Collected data
________________
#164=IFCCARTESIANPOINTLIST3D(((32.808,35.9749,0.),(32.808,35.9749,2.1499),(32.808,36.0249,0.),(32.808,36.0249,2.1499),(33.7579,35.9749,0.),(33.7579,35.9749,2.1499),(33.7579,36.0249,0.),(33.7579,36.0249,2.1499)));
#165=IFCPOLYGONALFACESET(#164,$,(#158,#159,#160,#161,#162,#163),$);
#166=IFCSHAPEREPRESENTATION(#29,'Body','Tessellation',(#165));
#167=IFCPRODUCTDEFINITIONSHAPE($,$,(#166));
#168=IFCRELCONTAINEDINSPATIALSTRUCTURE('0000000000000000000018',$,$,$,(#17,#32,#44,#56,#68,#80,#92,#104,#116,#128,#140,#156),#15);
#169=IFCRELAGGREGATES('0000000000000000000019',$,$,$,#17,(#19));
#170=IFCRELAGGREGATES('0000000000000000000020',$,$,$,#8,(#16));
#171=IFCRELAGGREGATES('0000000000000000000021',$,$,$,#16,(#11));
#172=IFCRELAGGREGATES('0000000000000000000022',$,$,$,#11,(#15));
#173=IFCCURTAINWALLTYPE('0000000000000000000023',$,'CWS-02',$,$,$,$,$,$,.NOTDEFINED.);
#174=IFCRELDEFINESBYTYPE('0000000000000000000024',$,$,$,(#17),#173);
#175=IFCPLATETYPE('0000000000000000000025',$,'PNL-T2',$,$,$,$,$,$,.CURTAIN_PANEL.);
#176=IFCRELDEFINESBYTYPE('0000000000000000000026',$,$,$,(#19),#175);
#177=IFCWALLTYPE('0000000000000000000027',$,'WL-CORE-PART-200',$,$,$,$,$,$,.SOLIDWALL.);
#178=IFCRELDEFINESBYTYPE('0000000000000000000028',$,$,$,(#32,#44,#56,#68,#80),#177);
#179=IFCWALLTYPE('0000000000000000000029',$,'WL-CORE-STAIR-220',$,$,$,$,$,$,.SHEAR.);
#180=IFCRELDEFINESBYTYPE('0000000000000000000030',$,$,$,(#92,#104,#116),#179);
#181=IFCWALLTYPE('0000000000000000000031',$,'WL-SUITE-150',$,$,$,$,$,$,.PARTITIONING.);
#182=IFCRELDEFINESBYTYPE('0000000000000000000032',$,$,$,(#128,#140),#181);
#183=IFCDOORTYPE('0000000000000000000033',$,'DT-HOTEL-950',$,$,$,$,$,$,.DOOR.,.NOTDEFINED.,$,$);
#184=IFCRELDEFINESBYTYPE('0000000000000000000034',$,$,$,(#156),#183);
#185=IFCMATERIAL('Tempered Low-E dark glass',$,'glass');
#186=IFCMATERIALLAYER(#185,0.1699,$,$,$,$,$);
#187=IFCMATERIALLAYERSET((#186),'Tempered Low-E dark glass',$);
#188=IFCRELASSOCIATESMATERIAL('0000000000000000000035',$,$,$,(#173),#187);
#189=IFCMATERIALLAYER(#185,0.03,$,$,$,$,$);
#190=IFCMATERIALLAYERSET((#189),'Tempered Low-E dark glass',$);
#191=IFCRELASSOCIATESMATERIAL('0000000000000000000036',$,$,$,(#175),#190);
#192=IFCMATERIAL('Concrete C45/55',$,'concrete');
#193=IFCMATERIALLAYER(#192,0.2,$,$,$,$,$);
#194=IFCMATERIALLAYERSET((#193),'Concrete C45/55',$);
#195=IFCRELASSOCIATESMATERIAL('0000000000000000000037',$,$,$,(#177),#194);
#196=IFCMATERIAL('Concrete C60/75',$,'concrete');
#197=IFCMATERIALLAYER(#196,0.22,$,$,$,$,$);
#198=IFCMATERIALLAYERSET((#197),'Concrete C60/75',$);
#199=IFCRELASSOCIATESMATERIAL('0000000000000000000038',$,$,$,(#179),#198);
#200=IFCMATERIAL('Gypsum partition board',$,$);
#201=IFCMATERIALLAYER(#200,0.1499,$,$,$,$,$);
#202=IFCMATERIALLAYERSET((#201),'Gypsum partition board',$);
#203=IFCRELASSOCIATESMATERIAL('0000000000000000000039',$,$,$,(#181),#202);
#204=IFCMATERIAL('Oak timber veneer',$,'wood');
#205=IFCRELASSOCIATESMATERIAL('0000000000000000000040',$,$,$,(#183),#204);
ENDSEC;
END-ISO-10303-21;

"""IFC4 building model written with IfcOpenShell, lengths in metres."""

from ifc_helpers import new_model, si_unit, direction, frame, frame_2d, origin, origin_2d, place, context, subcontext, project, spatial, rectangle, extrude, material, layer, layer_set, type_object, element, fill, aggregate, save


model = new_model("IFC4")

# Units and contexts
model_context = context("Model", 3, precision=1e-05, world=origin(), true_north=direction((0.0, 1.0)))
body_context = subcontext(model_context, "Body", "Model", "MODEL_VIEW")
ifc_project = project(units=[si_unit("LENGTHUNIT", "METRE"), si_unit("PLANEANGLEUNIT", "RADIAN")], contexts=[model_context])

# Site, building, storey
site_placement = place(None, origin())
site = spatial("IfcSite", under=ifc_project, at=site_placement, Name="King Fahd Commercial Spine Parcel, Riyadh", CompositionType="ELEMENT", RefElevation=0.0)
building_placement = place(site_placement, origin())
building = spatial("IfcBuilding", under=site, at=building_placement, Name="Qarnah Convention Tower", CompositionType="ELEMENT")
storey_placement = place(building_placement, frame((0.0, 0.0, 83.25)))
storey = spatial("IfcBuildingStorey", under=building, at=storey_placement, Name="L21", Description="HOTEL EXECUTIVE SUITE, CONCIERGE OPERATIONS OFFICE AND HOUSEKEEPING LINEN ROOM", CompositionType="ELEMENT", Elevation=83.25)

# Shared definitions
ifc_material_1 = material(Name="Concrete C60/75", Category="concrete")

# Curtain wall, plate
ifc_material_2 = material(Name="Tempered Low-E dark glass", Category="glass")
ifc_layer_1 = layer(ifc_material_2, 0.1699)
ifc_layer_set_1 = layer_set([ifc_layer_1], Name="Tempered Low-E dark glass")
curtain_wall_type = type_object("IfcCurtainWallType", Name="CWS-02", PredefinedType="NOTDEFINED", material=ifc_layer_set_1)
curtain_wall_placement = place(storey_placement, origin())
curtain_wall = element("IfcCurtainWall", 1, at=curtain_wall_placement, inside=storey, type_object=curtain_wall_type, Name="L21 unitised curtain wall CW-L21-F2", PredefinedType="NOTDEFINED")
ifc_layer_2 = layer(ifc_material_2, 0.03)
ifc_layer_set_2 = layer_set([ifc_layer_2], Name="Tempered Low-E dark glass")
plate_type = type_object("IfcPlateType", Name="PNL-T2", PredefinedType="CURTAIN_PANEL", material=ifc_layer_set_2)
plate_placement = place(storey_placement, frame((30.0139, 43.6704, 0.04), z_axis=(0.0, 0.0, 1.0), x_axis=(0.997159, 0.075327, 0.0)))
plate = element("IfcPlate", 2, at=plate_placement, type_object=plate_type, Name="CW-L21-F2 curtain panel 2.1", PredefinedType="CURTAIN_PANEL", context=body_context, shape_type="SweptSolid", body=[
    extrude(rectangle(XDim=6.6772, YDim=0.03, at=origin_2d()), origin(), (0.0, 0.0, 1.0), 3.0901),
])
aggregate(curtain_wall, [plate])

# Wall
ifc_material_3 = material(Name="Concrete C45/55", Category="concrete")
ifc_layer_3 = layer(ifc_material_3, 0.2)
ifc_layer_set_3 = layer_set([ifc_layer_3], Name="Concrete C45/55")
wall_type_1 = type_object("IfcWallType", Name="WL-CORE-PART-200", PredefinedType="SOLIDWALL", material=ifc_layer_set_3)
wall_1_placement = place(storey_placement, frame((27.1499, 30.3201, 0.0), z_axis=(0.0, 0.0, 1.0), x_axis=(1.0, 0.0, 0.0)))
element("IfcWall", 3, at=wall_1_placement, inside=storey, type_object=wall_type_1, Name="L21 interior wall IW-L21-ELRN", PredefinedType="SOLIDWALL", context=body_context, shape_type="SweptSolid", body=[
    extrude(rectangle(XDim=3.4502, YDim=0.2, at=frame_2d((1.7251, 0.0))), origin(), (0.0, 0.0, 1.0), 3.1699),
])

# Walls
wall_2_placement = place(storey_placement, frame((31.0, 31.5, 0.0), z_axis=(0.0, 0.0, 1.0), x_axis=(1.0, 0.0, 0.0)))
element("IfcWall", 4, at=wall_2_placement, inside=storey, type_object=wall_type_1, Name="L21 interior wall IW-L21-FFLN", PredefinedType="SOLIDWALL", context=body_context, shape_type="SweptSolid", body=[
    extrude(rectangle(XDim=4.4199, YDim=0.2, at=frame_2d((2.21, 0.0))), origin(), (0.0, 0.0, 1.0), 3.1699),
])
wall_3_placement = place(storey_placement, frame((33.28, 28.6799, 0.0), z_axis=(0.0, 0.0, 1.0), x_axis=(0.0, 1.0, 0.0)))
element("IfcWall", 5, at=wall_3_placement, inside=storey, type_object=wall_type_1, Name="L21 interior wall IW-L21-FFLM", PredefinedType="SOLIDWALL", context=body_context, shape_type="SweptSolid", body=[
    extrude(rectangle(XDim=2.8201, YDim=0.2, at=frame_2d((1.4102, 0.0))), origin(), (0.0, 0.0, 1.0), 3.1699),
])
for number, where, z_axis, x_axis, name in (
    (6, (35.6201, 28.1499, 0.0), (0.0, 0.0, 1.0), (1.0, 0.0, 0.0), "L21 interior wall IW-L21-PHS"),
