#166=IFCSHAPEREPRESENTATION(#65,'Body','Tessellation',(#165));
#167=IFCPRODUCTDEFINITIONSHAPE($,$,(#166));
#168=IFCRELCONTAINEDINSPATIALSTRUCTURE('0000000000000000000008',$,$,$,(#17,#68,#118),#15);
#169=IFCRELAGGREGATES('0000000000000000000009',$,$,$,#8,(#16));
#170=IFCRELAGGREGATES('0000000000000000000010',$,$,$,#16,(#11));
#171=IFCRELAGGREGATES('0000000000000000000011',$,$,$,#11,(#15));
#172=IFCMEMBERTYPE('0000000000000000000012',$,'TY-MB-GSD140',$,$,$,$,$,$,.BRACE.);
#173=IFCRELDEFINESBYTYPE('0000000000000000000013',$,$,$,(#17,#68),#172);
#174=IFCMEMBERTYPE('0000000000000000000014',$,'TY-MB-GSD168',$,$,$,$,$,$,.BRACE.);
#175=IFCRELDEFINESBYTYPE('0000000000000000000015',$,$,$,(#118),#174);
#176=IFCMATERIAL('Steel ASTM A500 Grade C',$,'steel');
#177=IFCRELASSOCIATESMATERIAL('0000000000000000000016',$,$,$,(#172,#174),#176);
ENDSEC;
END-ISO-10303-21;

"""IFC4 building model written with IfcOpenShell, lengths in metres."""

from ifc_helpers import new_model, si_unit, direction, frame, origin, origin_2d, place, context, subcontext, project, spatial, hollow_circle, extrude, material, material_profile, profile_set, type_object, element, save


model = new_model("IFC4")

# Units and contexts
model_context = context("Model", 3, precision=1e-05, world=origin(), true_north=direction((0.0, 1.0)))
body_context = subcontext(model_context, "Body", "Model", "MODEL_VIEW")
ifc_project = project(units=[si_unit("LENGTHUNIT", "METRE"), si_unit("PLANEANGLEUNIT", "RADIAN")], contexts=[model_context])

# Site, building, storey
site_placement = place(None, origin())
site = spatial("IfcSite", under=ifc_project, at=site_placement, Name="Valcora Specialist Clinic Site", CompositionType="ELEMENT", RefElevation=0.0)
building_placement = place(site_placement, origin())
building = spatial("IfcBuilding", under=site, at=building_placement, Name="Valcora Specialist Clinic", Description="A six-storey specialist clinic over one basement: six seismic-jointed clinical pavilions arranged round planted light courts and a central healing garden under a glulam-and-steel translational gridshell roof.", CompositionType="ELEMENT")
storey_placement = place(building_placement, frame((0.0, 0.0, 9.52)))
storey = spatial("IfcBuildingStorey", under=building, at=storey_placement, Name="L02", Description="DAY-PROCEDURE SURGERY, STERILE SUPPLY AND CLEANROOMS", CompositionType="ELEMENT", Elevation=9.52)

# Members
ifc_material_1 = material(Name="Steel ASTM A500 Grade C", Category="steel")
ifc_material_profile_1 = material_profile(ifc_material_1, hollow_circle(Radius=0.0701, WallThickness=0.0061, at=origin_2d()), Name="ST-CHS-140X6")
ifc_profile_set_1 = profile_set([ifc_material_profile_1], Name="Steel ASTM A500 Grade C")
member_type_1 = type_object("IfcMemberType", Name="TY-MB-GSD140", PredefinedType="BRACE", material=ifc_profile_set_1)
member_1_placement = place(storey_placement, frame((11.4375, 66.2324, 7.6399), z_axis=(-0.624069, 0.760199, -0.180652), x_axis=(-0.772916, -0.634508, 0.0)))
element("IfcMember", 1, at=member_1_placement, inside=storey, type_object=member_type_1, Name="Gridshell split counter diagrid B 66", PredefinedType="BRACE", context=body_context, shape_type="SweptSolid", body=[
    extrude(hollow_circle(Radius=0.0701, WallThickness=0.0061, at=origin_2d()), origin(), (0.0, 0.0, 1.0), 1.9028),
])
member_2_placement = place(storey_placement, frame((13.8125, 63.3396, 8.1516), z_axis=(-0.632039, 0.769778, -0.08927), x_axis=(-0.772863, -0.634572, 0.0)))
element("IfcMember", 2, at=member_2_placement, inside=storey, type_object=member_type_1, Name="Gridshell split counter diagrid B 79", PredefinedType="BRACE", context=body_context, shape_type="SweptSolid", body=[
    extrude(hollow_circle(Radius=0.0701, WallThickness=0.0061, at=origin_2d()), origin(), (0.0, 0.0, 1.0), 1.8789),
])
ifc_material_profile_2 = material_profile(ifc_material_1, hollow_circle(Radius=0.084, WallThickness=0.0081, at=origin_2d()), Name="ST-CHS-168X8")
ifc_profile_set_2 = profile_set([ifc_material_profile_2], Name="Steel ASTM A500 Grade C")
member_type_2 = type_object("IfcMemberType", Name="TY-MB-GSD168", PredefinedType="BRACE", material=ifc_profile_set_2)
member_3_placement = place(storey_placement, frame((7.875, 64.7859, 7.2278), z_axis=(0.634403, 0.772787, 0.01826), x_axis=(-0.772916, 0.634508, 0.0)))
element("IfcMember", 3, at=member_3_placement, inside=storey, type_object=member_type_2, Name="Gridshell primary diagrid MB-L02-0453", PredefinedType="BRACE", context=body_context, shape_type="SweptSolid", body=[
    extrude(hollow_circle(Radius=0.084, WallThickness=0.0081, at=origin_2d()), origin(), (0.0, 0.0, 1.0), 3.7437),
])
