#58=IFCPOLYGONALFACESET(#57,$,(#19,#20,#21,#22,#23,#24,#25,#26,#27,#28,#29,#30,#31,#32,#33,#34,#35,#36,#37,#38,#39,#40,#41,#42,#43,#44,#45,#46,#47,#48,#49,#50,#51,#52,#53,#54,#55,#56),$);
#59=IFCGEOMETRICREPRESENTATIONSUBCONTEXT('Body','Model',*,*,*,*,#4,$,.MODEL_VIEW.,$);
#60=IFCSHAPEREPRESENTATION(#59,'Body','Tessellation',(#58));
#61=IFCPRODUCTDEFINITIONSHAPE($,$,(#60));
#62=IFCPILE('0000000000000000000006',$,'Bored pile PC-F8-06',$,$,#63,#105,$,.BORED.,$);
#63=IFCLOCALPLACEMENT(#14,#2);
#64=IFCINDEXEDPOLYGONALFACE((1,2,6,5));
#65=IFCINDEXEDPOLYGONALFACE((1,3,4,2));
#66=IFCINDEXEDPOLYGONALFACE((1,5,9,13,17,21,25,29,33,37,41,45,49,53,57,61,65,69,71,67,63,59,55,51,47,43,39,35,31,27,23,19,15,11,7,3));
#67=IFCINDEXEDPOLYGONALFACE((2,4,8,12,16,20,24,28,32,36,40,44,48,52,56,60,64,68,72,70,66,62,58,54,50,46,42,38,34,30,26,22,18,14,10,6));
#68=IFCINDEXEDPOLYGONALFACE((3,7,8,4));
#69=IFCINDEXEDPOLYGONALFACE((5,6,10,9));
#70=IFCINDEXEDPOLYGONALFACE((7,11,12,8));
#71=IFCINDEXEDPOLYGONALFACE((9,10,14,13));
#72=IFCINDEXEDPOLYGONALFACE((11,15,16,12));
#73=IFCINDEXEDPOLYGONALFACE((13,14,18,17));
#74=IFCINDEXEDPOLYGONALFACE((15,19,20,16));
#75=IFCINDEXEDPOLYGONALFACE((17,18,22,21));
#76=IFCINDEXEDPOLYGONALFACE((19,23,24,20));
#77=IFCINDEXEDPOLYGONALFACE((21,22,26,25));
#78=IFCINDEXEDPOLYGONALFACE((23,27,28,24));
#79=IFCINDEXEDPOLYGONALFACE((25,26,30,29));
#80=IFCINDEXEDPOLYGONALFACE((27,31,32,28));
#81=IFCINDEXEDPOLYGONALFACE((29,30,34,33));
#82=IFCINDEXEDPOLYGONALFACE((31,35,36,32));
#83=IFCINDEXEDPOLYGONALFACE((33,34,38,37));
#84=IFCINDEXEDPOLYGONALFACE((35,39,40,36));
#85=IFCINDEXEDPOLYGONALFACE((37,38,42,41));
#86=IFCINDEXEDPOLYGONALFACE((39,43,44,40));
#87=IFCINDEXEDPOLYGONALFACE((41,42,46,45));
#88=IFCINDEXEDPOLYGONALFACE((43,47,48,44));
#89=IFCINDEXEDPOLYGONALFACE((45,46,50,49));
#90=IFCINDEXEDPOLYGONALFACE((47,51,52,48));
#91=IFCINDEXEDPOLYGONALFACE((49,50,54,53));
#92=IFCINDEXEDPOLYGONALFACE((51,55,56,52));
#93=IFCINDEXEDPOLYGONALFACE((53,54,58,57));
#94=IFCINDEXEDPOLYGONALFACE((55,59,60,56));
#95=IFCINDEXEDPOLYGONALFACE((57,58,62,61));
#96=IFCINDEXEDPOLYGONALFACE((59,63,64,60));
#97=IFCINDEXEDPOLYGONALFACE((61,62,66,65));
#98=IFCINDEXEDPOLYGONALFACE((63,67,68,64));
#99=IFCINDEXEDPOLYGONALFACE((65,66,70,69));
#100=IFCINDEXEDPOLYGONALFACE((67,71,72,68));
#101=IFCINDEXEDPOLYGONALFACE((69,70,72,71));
________________
- [Task requirements] Return the entries above unchanged, starting at the first line and stopping after the line with "#172=IFCRELAGGREGATES('0000000000000000000022',$,$,$,#11,(#15));".

- [Expected answer]
#164=IFCCARTESIANPOINTLIST3D(((32.808,35.9749,0.),(32.808,35.9749,2.1499),(32.808,36.0249,0.),(32.808,36.0249,2.1499),(33.7579,35.9749,0.),(33.7579,35.9749,2.1499),(33.7579,36.0249,0.),(33.7579,36.0249,2.1499)));
#165=IFCPOLYGONALFACESET(#164,$,(#158,#159,#160,#161,#162,#163),$);
#166=IFCSHAPEREPRESENTATION(#29,'Body','Tessellation',(#165));
#167=IFCPRODUCTDEFINITIONSHAPE($,$,(#166));
#168=IFCRELCONTAINEDINSPATIALSTRUCTURE('0000000000000000000018',$,$,$,(#17,#32,#44,#56,#68,#80,#92,#104,#116,#128,#140,#156),#15);
#169=IFCRELAGGREGATES('0000000000000000000019',$,$,$,#17,(#19));
#170=IFCRELAGGREGATES('0000000000000000000020',$,$,$,#8,(#16));
#171=IFCRELAGGREGATES('0000000000000000000021',$,$,$,#16,(#11));
#172=IFCRELAGGREGATES('0000000000000000000022',$,$,$,#11,(#15));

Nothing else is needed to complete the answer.